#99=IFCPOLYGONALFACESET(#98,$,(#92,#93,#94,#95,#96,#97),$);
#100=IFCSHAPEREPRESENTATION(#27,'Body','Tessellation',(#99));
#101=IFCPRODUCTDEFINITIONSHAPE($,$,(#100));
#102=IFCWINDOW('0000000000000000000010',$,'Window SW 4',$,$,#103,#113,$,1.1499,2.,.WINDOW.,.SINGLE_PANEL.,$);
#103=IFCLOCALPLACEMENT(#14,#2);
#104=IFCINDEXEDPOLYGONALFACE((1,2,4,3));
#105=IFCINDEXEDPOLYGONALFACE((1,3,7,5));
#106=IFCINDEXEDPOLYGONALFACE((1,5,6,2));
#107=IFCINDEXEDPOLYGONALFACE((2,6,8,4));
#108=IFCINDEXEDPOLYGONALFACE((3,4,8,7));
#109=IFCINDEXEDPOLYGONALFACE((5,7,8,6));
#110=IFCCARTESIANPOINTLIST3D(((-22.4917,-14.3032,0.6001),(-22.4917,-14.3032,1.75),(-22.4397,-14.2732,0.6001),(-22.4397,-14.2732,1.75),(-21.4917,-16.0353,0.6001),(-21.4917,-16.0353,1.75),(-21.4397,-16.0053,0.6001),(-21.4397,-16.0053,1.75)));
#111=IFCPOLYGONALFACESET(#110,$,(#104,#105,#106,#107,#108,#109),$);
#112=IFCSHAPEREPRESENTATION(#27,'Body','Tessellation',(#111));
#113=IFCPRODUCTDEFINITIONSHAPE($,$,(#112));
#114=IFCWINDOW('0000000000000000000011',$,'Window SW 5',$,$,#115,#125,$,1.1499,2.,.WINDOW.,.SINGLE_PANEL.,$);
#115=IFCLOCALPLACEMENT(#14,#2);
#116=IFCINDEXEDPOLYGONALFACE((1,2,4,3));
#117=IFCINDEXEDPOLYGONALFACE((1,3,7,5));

__________________________________________________

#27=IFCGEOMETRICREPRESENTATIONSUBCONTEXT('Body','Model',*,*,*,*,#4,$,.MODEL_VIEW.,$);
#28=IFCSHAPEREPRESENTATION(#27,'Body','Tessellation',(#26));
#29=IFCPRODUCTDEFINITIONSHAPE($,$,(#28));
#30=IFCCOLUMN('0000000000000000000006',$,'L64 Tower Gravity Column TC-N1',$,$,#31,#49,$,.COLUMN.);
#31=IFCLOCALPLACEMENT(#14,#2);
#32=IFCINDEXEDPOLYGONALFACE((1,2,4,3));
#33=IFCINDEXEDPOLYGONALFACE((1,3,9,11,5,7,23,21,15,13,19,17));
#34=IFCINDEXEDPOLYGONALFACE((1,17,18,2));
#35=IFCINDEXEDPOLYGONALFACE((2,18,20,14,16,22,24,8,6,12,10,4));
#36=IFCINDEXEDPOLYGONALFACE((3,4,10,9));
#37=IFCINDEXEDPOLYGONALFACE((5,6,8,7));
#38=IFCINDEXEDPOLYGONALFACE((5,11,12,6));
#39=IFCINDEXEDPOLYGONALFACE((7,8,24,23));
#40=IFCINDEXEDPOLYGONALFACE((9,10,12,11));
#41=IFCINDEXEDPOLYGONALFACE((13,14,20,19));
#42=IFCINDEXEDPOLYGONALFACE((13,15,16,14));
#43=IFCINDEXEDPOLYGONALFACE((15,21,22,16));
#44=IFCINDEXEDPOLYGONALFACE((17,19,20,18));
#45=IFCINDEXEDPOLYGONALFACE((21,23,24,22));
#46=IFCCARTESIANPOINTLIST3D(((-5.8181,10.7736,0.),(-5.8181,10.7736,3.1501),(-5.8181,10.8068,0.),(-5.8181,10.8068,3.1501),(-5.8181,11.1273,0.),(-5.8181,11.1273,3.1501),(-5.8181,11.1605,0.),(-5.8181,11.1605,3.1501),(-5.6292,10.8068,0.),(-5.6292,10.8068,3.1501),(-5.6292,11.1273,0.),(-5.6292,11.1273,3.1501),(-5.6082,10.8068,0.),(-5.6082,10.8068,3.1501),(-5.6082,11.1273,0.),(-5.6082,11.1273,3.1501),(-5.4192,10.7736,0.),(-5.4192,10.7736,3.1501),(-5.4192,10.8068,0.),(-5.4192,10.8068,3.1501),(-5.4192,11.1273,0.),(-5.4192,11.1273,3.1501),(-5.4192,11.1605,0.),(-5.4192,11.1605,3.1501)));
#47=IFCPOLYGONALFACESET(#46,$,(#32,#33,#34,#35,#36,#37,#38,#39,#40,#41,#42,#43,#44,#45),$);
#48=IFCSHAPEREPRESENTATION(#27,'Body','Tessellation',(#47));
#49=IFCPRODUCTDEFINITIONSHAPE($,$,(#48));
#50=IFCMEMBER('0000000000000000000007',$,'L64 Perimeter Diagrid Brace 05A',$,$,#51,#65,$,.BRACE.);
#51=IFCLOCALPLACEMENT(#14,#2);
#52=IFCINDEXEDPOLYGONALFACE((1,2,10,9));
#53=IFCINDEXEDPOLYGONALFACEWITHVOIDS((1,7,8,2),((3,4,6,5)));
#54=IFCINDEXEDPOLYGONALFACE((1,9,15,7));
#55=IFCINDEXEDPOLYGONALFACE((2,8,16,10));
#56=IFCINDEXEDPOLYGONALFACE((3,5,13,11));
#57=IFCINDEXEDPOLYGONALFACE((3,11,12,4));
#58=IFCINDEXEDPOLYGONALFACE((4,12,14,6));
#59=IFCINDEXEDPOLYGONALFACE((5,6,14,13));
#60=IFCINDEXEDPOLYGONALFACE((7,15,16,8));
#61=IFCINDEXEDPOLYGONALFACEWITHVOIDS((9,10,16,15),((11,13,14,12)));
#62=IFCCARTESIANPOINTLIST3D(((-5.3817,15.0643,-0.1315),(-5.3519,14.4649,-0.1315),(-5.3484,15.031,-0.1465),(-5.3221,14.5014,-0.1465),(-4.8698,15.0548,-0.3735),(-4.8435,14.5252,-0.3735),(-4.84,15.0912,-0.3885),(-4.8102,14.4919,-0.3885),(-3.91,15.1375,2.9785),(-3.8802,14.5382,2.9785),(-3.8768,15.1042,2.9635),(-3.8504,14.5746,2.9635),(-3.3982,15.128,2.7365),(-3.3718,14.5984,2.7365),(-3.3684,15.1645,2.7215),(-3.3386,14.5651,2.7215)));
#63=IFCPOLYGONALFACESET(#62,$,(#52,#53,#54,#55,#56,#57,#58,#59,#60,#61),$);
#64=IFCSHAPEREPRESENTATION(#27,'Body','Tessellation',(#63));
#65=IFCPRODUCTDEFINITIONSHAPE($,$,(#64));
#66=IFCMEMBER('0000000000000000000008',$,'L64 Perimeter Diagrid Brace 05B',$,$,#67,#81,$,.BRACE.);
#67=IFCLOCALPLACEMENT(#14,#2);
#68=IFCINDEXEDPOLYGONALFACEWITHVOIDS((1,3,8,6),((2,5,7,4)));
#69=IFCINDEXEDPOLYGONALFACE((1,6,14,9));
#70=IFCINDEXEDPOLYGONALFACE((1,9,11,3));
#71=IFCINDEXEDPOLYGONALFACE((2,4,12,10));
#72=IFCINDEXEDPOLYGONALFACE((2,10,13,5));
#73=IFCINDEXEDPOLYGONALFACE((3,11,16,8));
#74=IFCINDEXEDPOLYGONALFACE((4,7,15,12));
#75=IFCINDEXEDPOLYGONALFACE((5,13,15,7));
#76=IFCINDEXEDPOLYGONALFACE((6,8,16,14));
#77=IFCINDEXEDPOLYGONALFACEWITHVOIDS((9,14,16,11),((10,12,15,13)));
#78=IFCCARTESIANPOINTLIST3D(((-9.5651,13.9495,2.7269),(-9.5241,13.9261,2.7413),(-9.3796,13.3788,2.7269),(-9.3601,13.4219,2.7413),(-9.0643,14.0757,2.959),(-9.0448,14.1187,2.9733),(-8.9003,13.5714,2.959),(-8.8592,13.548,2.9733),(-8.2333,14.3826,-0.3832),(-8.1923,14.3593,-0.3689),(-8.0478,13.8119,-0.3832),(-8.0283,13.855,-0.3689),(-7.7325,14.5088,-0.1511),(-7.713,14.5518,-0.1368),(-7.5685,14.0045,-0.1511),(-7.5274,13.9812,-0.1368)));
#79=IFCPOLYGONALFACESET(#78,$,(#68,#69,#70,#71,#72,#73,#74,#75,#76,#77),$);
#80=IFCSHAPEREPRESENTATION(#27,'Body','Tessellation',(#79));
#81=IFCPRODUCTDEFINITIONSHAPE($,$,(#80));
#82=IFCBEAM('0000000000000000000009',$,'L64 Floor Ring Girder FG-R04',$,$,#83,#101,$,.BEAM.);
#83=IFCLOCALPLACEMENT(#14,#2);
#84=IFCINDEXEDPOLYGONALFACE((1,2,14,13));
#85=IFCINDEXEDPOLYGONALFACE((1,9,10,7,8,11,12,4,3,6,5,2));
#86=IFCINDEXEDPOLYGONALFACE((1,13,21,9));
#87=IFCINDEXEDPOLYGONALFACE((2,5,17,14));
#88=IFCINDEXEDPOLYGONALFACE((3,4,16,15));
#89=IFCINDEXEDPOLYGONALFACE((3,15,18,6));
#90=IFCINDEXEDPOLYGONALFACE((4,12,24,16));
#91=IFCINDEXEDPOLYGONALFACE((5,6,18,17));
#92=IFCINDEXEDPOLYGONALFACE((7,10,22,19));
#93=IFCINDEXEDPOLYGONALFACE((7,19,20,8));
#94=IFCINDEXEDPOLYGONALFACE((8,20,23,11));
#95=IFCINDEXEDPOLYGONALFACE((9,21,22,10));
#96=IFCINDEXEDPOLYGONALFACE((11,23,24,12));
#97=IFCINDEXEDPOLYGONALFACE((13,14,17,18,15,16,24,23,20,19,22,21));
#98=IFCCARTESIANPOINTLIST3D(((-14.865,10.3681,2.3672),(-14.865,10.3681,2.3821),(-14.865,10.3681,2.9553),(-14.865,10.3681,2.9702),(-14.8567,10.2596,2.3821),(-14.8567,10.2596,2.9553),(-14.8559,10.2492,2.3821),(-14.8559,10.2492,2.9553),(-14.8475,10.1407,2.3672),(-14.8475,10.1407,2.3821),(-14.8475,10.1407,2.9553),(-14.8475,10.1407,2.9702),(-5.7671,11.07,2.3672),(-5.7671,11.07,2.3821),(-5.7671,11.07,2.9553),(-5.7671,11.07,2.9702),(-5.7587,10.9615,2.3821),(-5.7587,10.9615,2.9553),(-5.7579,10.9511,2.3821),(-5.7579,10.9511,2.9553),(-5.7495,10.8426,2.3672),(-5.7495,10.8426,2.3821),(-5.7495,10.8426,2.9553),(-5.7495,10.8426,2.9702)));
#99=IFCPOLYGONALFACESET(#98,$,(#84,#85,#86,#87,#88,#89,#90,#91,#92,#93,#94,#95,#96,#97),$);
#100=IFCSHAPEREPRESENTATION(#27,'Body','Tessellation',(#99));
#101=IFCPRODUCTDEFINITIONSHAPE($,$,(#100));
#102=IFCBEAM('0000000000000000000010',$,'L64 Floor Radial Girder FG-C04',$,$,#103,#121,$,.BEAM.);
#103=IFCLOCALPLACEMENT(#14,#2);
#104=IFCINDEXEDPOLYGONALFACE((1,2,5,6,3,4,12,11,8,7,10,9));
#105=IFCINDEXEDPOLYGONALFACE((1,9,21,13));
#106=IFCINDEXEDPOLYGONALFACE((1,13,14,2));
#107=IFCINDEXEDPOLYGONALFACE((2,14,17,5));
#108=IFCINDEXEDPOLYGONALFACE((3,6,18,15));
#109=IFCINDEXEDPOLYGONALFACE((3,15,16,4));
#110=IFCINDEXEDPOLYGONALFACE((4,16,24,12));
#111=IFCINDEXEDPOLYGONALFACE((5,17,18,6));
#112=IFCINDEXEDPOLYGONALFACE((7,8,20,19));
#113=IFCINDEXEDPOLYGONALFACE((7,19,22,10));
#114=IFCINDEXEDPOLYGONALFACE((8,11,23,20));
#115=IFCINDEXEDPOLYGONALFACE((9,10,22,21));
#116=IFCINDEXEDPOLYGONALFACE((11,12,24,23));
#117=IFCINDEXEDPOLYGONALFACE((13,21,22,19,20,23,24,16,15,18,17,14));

__________________________________________________

**What the task asks**
Work out how many lines in the listing contain "Girder", then write down that number and nothing else.

**Output for this task**
2